[Directions for this task]
From the records below, set down exactly the lines starting with the line that contains "#24=IFCLOCALPLACEMENT(#19,#23);" and going on through the line that contains "#30=IFCINDEXEDPOLYGONALFACE((5,7,8,6));". Nothing else is wanted.
○ ○ ○ ○ ○
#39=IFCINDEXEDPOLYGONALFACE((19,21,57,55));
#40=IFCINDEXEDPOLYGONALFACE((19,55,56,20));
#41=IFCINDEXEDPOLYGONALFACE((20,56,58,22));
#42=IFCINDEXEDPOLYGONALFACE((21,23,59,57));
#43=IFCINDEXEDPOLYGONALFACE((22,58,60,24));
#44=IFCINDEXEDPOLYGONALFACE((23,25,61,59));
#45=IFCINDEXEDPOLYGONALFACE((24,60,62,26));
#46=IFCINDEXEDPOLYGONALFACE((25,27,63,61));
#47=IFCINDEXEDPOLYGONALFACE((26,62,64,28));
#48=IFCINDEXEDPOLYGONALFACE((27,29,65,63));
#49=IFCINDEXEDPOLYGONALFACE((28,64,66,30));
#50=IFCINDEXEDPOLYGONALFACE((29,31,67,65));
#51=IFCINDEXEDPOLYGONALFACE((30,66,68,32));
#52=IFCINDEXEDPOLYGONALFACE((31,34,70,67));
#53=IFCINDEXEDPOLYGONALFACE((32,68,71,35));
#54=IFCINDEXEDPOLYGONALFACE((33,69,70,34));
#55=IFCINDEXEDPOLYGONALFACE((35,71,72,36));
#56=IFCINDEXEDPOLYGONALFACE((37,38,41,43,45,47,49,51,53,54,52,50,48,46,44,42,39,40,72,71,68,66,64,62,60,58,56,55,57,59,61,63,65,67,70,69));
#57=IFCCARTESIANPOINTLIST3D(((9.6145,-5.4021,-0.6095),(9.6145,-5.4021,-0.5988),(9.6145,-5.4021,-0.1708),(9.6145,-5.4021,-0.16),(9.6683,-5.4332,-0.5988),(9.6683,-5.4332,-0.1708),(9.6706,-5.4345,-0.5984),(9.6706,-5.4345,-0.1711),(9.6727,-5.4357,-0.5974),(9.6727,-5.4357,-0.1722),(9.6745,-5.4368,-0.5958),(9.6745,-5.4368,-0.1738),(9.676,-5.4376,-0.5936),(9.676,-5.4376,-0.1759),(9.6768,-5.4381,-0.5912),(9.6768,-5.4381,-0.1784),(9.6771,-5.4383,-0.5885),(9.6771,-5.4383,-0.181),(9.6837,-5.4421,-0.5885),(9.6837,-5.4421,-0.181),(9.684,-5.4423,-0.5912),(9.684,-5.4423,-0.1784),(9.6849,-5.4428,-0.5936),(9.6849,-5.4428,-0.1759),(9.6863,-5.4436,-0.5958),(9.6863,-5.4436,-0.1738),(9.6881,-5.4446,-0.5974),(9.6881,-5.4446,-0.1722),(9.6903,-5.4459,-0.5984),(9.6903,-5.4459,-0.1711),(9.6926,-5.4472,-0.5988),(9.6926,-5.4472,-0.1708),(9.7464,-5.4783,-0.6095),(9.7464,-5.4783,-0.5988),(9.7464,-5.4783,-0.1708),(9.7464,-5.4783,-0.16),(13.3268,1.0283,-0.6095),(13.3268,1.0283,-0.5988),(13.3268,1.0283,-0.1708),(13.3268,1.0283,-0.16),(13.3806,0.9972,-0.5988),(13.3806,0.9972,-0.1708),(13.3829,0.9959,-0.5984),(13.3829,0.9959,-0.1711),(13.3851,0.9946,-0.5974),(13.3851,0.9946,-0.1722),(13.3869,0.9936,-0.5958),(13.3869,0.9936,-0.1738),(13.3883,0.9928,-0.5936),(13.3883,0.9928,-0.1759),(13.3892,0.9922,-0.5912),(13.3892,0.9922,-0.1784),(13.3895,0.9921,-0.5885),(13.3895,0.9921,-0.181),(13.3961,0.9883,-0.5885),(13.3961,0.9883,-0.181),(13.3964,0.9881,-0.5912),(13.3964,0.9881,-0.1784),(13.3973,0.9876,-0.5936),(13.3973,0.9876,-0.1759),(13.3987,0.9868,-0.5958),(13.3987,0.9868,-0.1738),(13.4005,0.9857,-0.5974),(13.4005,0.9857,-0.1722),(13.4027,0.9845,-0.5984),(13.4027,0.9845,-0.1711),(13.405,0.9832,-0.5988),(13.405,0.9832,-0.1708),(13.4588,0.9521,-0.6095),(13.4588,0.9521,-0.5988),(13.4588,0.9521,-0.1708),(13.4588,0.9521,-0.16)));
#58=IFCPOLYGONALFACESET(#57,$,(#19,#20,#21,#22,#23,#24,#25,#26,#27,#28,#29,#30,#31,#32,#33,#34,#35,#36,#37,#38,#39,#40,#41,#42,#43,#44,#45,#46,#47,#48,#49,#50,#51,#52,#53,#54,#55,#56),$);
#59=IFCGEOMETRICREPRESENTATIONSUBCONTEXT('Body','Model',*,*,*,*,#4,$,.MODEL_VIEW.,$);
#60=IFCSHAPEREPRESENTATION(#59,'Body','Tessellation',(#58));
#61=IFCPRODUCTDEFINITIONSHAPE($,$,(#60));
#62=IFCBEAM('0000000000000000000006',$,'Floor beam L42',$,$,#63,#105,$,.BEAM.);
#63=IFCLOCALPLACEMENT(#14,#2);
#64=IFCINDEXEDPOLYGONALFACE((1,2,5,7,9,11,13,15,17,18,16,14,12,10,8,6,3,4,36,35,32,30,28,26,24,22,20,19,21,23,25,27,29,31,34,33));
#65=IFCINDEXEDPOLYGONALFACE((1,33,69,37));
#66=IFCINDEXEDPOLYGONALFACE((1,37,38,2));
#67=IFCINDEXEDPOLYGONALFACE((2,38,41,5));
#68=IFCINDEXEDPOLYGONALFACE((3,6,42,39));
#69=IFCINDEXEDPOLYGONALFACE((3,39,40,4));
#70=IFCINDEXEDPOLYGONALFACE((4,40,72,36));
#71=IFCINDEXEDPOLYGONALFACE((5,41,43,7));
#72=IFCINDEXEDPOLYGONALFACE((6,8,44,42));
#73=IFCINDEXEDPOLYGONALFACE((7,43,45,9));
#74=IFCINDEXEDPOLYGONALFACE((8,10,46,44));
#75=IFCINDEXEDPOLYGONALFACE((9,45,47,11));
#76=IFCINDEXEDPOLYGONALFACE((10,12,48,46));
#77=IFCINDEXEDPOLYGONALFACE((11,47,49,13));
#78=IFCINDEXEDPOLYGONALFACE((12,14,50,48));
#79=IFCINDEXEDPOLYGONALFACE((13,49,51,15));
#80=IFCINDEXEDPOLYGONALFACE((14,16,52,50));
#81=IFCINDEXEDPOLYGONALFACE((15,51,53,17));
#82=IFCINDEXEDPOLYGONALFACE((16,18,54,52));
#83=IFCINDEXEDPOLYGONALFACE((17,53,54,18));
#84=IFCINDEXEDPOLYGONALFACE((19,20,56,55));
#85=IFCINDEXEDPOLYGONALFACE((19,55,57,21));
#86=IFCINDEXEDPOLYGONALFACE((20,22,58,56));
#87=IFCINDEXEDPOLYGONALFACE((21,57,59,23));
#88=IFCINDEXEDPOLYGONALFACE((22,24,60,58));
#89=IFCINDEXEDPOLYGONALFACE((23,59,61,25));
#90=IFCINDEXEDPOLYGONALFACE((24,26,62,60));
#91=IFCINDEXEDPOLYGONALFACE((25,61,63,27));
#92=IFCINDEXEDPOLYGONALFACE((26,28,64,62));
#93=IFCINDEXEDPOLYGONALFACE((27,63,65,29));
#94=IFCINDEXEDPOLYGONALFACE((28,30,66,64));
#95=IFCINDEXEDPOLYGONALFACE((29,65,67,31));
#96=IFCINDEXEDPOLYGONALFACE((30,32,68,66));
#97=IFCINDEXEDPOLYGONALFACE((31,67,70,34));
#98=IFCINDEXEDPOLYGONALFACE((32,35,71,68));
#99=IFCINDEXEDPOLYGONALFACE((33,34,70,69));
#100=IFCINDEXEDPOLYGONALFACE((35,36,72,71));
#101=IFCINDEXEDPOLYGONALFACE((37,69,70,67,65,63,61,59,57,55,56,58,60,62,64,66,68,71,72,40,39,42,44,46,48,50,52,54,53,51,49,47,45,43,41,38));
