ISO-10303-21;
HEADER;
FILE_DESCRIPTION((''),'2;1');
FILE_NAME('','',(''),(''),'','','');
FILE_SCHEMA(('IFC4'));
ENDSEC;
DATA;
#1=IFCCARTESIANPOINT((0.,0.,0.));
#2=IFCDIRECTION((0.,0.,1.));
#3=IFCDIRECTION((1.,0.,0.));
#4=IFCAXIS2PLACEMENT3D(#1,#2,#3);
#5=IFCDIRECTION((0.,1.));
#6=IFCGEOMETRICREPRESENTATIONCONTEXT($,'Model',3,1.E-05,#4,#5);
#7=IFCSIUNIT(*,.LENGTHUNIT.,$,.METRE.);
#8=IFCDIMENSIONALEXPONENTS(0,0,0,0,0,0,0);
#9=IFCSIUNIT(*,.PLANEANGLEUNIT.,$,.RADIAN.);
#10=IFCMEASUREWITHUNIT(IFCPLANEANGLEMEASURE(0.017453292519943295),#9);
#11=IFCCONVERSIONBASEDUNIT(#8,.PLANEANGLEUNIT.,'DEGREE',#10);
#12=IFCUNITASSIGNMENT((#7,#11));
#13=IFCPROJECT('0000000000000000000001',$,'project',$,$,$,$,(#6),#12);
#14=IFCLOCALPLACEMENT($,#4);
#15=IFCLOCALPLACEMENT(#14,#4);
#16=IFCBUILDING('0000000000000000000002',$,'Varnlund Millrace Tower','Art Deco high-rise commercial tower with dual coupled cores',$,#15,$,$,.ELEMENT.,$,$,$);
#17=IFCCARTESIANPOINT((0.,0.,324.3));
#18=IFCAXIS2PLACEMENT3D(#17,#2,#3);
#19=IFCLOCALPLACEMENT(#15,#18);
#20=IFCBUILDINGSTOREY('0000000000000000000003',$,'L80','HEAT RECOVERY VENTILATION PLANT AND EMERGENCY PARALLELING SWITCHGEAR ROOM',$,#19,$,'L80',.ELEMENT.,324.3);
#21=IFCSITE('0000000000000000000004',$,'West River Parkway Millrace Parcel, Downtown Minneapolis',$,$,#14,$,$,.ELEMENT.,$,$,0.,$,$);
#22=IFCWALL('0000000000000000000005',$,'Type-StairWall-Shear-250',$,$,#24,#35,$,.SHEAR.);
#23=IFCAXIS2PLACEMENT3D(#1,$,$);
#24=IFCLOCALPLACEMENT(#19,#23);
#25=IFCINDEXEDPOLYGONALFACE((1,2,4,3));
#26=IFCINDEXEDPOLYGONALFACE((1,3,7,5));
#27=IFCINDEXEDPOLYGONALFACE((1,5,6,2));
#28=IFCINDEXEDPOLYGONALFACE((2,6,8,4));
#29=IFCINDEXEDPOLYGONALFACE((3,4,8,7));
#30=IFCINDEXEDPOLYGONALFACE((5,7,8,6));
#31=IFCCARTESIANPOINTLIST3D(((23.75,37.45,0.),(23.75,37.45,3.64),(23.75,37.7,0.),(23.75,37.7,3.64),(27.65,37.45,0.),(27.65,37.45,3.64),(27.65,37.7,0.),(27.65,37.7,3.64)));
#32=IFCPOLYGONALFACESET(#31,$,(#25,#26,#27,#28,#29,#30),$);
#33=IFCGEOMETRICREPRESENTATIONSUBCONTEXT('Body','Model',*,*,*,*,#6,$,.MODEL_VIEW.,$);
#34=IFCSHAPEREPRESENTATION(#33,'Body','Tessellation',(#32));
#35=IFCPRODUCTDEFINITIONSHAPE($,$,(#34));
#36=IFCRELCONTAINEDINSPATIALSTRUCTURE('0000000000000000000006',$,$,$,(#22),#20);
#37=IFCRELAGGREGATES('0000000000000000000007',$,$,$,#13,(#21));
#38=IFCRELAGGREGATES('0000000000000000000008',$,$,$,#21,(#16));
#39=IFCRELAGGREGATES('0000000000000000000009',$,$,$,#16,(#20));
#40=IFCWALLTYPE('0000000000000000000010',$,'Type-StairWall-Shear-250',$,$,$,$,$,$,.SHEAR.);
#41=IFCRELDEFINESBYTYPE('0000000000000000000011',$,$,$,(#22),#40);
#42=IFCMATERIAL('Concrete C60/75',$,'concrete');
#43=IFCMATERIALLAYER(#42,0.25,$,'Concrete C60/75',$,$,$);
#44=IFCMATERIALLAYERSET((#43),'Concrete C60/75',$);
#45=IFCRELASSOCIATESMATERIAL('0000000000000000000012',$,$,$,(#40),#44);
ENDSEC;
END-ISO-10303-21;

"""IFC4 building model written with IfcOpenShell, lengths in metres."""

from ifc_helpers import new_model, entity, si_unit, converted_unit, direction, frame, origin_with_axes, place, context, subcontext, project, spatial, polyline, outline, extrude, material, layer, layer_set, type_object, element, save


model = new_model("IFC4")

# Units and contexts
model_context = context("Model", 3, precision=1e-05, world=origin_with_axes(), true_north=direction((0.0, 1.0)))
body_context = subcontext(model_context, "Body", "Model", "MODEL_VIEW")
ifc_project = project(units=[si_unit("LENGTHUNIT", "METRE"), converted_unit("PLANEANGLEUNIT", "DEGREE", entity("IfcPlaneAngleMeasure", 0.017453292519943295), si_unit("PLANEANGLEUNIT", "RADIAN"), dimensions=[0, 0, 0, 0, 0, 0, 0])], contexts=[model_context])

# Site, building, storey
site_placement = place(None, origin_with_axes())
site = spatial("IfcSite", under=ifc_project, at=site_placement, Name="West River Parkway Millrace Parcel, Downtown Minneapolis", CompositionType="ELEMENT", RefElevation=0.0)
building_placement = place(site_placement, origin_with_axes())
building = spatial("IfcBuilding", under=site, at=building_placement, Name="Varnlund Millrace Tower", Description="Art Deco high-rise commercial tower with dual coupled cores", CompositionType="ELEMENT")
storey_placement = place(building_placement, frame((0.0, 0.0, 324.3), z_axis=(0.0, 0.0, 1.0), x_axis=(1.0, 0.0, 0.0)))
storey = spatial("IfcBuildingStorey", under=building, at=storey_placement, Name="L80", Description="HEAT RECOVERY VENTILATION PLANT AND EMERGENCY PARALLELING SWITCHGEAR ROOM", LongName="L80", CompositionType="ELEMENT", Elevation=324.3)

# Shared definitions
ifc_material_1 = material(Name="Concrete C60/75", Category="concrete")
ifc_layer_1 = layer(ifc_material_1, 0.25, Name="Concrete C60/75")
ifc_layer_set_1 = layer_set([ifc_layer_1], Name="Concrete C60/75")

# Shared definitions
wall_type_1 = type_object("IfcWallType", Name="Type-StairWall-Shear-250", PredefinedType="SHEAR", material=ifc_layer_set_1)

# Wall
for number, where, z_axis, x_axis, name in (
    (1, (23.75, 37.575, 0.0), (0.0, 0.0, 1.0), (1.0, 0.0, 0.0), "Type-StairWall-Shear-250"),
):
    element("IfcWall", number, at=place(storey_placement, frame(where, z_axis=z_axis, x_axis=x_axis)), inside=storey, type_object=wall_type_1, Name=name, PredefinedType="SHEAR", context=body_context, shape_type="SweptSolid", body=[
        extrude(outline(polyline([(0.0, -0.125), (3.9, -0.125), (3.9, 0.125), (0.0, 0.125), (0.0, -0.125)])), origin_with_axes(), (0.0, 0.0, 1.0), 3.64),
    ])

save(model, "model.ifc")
○ ○ ○ ○ ○
[Solution]
#24=IFCLOCALPLACEMENT(#19,#23);
#25=IFCINDEXEDPOLYGONALFACE((1,2,4,3));
#26=IFCINDEXEDPOLYGONALFACE((1,3,7,5));
#27=IFCINDEXEDPOLYGONALFACE((1,5,6,2));
#28=IFCINDEXEDPOLYGONALFACE((2,6,8,4));
#29=IFCINDEXEDPOLYGONALFACE((3,4,8,7));
#30=IFCINDEXEDPOLYGONALFACE((5,7,8,6));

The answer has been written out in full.